Collected data:
################

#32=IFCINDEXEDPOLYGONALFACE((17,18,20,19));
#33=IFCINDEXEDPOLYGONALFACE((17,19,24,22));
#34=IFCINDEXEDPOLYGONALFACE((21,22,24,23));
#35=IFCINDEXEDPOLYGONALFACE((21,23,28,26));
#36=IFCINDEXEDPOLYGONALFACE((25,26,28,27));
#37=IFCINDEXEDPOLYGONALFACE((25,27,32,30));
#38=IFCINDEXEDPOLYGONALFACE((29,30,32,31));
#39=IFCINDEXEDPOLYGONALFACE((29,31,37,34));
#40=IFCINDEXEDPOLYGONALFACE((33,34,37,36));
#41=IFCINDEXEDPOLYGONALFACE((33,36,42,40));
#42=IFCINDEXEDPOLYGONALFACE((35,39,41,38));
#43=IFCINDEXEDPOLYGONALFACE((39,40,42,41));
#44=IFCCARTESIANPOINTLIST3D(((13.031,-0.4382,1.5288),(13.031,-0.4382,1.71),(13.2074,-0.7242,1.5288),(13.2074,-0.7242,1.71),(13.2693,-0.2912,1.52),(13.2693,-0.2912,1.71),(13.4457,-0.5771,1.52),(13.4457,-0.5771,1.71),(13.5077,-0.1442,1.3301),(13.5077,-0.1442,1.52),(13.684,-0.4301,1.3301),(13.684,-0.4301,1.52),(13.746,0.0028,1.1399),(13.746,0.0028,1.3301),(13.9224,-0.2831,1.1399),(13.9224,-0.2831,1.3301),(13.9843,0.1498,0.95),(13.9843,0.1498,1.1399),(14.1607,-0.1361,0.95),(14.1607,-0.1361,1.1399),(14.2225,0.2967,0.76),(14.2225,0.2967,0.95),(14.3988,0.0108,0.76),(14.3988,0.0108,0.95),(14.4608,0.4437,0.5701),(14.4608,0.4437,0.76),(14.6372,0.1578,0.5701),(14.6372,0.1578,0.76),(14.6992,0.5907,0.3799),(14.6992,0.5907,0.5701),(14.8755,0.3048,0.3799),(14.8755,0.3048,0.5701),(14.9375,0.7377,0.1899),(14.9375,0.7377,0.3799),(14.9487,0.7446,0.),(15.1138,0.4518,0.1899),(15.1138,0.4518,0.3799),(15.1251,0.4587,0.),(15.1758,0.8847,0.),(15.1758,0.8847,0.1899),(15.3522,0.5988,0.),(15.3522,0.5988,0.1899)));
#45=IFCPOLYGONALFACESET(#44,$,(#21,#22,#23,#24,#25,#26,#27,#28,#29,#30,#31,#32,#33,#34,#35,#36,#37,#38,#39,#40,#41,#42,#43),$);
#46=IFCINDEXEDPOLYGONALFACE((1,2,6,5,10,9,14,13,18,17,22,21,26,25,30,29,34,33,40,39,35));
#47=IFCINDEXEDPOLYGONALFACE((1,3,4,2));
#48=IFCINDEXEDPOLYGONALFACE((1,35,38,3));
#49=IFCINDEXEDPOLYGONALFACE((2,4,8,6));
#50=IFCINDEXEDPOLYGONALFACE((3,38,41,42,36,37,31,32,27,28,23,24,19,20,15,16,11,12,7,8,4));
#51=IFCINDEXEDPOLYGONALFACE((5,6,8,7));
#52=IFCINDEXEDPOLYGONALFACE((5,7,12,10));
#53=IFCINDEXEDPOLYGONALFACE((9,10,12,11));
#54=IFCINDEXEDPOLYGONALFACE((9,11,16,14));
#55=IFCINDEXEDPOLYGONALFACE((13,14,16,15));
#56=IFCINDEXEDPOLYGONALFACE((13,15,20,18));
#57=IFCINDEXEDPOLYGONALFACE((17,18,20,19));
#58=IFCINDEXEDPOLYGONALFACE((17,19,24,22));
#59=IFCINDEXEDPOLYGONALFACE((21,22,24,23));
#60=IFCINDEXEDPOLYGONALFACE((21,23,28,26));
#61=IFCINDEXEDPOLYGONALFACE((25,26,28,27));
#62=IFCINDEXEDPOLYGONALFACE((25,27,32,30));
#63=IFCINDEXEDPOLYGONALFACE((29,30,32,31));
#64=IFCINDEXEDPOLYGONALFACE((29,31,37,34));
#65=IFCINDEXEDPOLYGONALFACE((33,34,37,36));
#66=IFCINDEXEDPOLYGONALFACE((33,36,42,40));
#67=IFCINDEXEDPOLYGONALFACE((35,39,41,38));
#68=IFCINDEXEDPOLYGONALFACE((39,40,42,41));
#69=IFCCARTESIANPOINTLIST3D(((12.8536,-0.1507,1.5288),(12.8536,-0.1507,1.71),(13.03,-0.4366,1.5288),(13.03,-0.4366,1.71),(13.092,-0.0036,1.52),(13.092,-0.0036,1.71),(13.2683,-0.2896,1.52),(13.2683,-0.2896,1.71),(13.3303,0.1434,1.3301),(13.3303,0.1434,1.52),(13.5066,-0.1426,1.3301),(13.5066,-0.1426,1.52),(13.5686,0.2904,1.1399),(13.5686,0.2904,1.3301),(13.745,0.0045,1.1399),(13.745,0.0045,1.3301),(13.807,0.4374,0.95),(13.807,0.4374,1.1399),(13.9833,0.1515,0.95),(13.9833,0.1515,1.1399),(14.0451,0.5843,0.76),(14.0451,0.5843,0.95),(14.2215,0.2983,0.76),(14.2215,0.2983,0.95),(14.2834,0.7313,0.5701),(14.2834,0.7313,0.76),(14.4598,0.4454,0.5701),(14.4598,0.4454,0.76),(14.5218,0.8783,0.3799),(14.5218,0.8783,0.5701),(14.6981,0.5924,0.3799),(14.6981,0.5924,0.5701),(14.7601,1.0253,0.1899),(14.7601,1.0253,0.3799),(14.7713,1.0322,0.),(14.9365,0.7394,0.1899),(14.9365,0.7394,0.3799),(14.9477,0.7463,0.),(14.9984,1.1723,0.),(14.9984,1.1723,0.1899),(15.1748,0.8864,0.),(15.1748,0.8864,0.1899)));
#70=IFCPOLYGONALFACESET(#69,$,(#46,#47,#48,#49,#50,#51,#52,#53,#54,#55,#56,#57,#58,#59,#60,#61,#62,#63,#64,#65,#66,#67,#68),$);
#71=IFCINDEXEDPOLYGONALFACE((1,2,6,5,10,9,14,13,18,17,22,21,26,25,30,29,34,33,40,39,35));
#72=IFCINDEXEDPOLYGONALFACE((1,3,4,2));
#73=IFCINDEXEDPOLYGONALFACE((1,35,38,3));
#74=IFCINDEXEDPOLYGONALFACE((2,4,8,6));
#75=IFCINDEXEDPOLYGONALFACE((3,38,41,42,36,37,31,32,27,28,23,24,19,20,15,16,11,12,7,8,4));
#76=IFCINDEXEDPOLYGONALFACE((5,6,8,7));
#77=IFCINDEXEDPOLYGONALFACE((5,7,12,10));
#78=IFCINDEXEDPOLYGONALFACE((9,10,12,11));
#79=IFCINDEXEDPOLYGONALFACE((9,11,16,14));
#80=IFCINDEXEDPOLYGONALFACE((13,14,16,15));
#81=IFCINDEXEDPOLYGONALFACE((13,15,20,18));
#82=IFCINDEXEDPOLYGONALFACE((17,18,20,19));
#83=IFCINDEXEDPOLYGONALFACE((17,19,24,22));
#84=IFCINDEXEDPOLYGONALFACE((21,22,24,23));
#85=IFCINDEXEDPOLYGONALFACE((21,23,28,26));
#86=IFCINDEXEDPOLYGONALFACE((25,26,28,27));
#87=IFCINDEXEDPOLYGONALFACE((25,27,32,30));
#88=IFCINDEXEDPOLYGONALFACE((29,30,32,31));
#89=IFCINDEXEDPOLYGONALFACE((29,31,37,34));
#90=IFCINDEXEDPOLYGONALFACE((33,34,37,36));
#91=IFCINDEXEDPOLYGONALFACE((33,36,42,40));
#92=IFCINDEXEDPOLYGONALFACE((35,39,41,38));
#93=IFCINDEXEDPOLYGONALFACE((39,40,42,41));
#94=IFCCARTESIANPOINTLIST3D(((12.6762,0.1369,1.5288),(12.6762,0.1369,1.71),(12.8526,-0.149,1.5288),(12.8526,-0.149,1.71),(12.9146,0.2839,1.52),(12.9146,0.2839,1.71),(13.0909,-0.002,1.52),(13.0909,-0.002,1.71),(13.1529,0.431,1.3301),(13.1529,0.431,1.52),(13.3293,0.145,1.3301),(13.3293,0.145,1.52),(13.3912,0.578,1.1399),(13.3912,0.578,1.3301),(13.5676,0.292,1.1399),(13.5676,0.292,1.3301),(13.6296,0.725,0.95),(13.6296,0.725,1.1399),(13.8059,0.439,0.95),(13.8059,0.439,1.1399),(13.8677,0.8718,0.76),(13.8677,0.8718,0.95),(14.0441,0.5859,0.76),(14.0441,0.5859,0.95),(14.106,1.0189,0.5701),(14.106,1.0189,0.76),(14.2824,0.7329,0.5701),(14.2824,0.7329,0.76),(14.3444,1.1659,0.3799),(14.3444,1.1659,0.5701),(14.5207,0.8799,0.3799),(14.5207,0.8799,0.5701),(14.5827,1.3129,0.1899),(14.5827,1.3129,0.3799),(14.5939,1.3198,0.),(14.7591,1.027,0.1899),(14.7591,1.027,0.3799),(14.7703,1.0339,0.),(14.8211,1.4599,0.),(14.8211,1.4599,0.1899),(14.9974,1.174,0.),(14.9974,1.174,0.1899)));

################

The lines that contain the word "IFCPOLYGONALFACESET" are wanted; copy each of them from the records.

## RESULT OF THE EXERCISE:
#45=IFCPOLYGONALFACESET(#44,$,(#21,#22,#23,#24,#25,#26,#27,#28,#29,#30,#31,#32,#33,#34,#35,#36,#37,#38,#39,#40,#41,#42,#43),$);
#70=IFCPOLYGONALFACESET(#69,$,(#46,#47,#48,#49,#50,#51,#52,#53,#54,#55,#56,#57,#58,#59,#60,#61,#62,#63,#64,#65,#66,#67,#68),$);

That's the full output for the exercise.